[Extracted data]:
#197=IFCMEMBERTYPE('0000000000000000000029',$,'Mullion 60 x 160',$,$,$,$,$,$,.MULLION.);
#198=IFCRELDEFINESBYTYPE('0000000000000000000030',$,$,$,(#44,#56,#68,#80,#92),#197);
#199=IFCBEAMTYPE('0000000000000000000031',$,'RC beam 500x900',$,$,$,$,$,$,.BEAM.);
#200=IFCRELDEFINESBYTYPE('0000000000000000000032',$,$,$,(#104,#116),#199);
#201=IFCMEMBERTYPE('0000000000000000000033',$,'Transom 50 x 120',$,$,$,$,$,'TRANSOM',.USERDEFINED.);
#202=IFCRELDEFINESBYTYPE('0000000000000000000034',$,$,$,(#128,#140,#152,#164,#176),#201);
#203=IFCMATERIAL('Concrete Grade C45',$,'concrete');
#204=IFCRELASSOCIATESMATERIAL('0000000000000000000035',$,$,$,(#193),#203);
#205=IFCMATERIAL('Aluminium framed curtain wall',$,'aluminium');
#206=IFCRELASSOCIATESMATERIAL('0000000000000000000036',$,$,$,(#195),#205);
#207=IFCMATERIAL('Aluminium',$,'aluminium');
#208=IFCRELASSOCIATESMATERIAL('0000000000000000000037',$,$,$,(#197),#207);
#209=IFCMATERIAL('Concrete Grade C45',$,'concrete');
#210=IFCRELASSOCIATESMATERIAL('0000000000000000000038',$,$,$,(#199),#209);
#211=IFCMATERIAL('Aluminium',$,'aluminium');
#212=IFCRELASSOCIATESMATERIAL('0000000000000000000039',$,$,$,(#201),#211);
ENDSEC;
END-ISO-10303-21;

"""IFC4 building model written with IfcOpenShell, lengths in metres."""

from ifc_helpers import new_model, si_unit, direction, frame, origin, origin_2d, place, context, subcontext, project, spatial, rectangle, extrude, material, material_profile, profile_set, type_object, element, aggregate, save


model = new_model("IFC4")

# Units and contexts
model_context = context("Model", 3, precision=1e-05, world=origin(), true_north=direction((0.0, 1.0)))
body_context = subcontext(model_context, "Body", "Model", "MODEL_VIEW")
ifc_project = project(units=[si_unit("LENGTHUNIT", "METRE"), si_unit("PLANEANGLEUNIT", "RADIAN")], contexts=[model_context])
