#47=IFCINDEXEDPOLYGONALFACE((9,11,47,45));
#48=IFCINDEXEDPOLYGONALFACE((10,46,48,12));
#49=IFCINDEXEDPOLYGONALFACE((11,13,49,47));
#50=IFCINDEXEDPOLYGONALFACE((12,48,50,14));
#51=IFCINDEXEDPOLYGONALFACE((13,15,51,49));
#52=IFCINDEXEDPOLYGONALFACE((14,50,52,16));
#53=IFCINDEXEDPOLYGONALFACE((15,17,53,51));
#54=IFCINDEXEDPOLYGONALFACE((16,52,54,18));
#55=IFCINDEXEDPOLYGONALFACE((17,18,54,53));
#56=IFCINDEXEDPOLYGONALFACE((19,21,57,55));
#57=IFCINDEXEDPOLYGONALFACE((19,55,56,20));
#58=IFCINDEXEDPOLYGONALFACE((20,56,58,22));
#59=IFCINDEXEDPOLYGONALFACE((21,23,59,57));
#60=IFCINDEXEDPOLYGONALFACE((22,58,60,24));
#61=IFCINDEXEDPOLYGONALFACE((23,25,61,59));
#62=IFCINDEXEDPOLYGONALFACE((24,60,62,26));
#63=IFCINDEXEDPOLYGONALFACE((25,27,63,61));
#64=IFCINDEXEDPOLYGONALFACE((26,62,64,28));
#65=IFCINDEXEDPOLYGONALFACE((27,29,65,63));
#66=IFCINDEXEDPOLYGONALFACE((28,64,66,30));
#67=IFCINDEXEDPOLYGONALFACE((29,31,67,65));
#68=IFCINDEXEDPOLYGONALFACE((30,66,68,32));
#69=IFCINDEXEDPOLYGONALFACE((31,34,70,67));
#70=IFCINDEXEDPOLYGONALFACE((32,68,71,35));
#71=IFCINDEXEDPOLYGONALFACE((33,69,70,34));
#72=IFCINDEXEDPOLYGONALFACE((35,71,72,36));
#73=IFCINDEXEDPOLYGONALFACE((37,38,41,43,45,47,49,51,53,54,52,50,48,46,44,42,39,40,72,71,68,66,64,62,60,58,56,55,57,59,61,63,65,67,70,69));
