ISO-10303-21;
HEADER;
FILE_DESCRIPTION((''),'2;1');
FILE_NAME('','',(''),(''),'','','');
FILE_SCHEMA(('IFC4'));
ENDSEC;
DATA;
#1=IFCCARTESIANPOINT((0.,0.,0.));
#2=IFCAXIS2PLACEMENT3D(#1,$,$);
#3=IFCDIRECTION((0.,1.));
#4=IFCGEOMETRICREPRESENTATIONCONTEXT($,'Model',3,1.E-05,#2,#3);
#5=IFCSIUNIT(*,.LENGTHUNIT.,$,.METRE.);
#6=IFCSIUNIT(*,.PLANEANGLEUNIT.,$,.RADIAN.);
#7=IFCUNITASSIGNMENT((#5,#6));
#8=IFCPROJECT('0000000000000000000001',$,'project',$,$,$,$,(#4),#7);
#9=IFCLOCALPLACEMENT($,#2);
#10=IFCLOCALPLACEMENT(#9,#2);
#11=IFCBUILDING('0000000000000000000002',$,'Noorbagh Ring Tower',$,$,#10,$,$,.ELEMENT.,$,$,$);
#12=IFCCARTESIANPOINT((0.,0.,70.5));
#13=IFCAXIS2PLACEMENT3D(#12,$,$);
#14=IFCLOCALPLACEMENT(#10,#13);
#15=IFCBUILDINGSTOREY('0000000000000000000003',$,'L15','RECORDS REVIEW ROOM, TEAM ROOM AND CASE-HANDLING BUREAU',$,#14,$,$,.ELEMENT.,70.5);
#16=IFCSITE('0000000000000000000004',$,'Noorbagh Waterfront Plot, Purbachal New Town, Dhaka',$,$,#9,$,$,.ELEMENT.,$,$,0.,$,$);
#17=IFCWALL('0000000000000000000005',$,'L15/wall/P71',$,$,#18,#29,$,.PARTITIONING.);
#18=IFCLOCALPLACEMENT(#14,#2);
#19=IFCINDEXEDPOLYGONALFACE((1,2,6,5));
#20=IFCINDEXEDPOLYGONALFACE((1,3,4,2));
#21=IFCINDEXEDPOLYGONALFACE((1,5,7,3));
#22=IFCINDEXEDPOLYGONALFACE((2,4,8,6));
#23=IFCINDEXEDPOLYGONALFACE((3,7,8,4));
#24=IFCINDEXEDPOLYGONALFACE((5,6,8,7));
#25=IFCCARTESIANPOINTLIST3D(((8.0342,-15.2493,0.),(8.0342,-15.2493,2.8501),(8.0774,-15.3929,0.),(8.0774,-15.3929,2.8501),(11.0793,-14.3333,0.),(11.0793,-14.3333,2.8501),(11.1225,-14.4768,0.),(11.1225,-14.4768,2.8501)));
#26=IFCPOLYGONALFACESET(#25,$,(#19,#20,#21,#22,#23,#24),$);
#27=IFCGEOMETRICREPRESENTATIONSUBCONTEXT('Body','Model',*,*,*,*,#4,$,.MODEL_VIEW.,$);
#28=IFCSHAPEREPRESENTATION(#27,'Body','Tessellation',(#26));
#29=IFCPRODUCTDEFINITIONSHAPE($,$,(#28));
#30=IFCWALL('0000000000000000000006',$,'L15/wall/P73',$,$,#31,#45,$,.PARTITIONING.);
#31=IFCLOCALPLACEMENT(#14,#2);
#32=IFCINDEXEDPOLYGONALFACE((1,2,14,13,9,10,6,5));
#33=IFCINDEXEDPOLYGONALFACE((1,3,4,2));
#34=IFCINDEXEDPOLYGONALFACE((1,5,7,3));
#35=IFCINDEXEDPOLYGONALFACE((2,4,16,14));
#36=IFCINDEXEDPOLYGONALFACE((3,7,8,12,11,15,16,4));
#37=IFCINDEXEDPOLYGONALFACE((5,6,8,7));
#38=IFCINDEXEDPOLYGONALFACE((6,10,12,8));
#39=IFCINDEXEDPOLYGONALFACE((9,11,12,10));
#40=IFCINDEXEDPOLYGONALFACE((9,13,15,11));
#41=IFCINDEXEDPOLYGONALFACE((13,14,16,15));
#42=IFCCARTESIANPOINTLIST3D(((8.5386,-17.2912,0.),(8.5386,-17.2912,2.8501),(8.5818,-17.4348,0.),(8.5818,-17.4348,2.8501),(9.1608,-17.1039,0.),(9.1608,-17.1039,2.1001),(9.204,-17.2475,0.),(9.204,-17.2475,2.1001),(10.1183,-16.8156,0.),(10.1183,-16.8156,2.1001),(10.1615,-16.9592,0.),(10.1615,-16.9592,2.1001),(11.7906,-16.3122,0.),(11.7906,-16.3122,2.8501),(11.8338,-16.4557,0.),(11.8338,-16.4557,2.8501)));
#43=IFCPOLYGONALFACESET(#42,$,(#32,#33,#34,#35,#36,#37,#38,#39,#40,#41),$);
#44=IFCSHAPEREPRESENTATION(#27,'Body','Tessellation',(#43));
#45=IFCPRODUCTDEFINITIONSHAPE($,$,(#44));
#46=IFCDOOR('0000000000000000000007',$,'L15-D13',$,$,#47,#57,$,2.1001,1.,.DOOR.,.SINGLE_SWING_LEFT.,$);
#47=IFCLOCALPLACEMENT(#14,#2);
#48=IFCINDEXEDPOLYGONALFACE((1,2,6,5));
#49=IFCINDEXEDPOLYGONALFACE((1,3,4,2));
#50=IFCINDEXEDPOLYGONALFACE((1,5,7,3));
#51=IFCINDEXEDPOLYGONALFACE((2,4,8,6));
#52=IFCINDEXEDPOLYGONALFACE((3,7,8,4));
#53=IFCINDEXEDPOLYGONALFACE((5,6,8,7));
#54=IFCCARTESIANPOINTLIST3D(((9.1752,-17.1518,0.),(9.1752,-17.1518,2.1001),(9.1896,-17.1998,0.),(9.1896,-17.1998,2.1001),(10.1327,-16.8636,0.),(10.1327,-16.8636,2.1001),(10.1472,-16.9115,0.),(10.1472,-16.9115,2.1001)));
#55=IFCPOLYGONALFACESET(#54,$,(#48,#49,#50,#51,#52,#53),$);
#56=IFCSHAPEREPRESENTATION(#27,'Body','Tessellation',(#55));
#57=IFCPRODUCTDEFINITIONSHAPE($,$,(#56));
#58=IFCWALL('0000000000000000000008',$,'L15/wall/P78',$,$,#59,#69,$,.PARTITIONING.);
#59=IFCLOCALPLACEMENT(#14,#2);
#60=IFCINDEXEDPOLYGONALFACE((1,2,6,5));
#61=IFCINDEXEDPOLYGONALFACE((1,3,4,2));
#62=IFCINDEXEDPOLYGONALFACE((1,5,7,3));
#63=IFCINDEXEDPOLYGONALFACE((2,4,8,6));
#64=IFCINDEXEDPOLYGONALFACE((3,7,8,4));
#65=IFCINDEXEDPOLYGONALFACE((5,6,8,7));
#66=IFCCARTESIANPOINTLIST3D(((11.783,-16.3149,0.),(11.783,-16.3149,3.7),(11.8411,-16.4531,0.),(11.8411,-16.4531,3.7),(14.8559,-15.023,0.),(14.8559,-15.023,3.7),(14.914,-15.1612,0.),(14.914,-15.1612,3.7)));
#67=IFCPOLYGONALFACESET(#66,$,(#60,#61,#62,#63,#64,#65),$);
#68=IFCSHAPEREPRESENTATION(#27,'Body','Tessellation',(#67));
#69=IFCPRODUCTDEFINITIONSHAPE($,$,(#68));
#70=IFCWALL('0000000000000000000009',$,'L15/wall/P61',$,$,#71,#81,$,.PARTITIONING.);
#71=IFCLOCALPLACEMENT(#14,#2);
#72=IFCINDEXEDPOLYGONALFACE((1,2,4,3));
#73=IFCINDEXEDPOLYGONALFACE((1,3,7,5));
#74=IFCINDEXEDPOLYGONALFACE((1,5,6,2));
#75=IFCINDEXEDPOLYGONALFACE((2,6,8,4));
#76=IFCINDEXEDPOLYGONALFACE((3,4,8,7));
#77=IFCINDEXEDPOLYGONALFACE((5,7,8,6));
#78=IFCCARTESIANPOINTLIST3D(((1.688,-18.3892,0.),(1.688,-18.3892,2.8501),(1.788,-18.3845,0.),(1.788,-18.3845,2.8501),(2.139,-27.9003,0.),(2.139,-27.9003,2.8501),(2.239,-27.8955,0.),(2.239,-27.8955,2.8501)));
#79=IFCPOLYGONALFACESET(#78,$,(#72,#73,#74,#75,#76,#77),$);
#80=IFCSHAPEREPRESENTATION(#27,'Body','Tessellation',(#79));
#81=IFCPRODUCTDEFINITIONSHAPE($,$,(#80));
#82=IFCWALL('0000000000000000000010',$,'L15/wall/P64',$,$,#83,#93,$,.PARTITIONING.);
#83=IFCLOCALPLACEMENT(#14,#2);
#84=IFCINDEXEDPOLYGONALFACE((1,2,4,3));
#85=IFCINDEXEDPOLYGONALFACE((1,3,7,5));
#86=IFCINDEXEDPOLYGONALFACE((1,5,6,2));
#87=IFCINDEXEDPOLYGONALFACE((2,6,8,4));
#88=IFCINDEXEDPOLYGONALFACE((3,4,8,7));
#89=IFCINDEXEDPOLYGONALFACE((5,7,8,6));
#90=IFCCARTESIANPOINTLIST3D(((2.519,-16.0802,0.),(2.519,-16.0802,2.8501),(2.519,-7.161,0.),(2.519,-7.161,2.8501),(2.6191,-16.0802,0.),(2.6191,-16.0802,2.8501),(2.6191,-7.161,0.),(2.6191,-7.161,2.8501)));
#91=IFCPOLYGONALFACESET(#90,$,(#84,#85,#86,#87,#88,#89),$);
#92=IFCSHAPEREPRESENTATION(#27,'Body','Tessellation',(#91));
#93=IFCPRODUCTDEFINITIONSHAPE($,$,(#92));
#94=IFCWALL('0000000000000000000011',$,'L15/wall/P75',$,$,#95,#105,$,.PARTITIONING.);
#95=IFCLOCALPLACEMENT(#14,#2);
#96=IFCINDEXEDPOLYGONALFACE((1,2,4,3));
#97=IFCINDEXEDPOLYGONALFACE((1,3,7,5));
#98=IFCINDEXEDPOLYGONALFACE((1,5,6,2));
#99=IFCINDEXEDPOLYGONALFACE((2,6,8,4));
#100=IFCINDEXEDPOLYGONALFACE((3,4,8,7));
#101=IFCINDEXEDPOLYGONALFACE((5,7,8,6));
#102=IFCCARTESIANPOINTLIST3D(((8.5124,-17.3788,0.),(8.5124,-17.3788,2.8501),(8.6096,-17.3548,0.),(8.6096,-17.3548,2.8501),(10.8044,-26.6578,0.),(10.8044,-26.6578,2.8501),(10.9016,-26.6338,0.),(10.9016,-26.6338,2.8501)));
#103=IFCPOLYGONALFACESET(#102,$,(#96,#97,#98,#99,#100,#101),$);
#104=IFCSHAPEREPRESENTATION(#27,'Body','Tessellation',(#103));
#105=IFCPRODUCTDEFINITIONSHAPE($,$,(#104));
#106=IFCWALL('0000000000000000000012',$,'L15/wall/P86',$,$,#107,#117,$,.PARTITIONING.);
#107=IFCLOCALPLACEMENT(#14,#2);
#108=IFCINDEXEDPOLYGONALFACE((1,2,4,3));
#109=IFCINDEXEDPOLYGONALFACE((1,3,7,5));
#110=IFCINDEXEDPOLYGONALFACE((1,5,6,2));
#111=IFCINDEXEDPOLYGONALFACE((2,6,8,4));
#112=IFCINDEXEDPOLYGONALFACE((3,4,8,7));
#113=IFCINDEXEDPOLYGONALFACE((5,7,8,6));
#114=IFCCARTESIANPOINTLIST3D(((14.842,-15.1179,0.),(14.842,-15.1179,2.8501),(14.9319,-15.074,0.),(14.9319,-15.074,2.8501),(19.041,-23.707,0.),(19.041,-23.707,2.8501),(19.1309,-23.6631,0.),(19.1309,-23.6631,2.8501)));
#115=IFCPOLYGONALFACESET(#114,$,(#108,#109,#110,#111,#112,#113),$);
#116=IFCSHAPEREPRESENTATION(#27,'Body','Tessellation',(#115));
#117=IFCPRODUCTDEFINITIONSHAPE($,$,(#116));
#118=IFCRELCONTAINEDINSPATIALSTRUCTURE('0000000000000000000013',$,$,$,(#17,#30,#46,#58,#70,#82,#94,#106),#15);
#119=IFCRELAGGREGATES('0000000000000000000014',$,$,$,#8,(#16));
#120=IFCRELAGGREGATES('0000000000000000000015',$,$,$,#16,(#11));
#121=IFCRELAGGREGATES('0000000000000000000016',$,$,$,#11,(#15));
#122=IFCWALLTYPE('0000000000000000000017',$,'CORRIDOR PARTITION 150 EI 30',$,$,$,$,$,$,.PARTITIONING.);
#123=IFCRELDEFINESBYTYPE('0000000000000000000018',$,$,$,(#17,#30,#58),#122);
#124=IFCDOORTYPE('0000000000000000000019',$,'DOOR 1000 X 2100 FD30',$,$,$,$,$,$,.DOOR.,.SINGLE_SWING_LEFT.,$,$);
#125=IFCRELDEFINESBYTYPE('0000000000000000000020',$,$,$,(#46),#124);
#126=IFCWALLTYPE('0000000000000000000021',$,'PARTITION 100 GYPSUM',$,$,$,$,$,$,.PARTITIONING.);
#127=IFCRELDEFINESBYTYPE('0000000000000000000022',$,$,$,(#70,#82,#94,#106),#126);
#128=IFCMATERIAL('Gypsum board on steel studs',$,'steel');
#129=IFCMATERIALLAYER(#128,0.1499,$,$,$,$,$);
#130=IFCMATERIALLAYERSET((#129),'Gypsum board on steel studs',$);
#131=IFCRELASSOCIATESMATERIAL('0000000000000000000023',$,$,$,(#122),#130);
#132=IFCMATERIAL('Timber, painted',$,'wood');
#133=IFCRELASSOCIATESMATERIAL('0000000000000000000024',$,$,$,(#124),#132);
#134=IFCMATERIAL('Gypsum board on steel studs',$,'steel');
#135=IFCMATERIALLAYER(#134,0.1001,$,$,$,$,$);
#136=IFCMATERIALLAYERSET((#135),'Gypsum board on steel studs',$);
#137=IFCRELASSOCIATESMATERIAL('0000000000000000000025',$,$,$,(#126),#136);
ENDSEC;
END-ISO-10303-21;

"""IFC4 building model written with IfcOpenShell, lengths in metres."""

from ifc_helpers import new_model, si_unit, direction, frame, frame_2d, origin, place, context, subcontext, project, spatial, rectangle, extrude, material, layer, layer_set, type_object, element, fill, save


model = new_model("IFC4")

# Units and contexts
model_context = context("Model", 3, precision=1e-05, world=origin(), true_north=direction((0.0, 1.0)))
body_context = subcontext(model_context, "Body", "Model", "MODEL_VIEW")
ifc_project = project(units=[si_unit("LENGTHUNIT", "METRE"), si_unit("PLANEANGLEUNIT", "RADIAN")], contexts=[model_context])

# Site, building, storey
site_placement = place(None, origin())
site = spatial("IfcSite", under=ifc_project, at=site_placement, Name="Noorbagh Waterfront Plot, Purbachal New Town, Dhaka", CompositionType="ELEMENT", RefElevation=0.0)
building_placement = place(site_placement, origin())
building = spatial("IfcBuilding", under=site, at=building_placement, Name="Noorbagh Ring Tower", CompositionType="ELEMENT")
storey_placement = place(building_placement, frame((0.0, 0.0, 70.5)))
storey = spatial("IfcBuildingStorey", under=building, at=storey_placement, Name="L15", Description="RECORDS REVIEW ROOM, TEAM ROOM AND CASE-HANDLING BUREAU", CompositionType="ELEMENT", Elevation=70.5)

# Shared definitions
ifc_material_1 = material(Name="Gypsum board on steel studs", Category="steel")
ifc_layer_1 = layer(ifc_material_1, 0.1499)
ifc_layer_set_1 = layer_set([ifc_layer_1], Name="Gypsum board on steel studs")
wall_type_1 = type_object("IfcWallType", Name="CORRIDOR PARTITION 150 EI 30", PredefinedType="PARTITIONING", material=ifc_layer_set_1)

# Shared definitions
ifc_material_2 = material(Name="Timber, painted", Category="wood")
door_type = type_object("IfcDoorType", Name="DOOR 1000 X 2100 FD30", OperationType="SINGLE_SWING_LEFT", PredefinedType="DOOR", material=ifc_material_2)

# Wall
wall_1_placement = place(storey_placement, frame((8.0559, -15.321, 0.0), z_axis=(0.0, 0.0, 1.0), x_axis=(0.957613, 0.288059, 0.0)))
element("IfcWall", 1, at=wall_1_placement, inside=storey, type_object=wall_type_1, Name="L15/wall/P71", PredefinedType="PARTITIONING", context=body_context, shape_type="SweptSolid", body=[
    extrude(rectangle(XDim=3.1799, YDim=0.1499, at=frame_2d((1.5898, 0.0))), origin(), (0.0, 0.0, 1.0), 2.8501),
])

[Work request]: What is needed is an exact copy of the lines above, from the one containing "#10=IFCLOCALPLACEMENT(#9,#2);" through the one containing "#31=IFCLOCALPLACEMENT(#14,#2);", with nothing added.

[Output of the task]:
#10=IFCLOCALPLACEMENT(#9,#2);
#11=IFCBUILDING('0000000000000000000002',$,'Noorbagh Ring Tower',$,$,#10,$,$,.ELEMENT.,$,$,$);
#12=IFCCARTESIANPOINT((0.,0.,70.5));
#13=IFCAXIS2PLACEMENT3D(#12,$,$);
#14=IFCLOCALPLACEMENT(#10,#13);
#15=IFCBUILDINGSTOREY('0000000000000000000003',$,'L15','RECORDS REVIEW ROOM, TEAM ROOM AND CASE-HANDLING BUREAU',$,#14,$,$,.ELEMENT.,70.5);
#16=IFCSITE('0000000000000000000004',$,'Noorbagh Waterfront Plot, Purbachal New Town, Dhaka',$,$,#9,$,$,.ELEMENT.,$,$,0.,$,$);
#17=IFCWALL('0000000000000000000005',$,'L15/wall/P71',$,$,#18,#29,$,.PARTITIONING.);
#18=IFCLOCALPLACEMENT(#14,#2);
#19=IFCINDEXEDPOLYGONALFACE((1,2,6,5));
#20=IFCINDEXEDPOLYGONALFACE((1,3,4,2));
#21=IFCINDEXEDPOLYGONALFACE((1,5,7,3));
#22=IFCINDEXEDPOLYGONALFACE((2,4,8,6));
#23=IFCINDEXEDPOLYGONALFACE((3,7,8,4));
#24=IFCINDEXEDPOLYGONALFACE((5,6,8,7));
#25=IFCCARTESIANPOINTLIST3D(((8.0342,-15.2493,0.),(8.0342,-15.2493,2.8501),(8.0774,-15.3929,0.),(8.0774,-15.3929,2.8501),(11.0793,-14.3333,0.),(11.0793,-14.3333,2.8501),(11.1225,-14.4768,0.),(11.1225,-14.4768,2.8501)));
#26=IFCPOLYGONALFACESET(#25,$,(#19,#20,#21,#22,#23,#24),$);
#27=IFCGEOMETRICREPRESENTATIONSUBCONTEXT('Body','Model',*,*,*,*,#4,$,.MODEL_VIEW.,$);
#28=IFCSHAPEREPRESENTATION(#27,'Body','Tessellation',(#26));
#29=IFCPRODUCTDEFINITIONSHAPE($,$,(#28));
#30=IFCWALL('0000000000000000000006',$,'L15/wall/P73',$,$,#31,#45,$,.PARTITIONING.);
#31=IFCLOCALPLACEMENT(#14,#2);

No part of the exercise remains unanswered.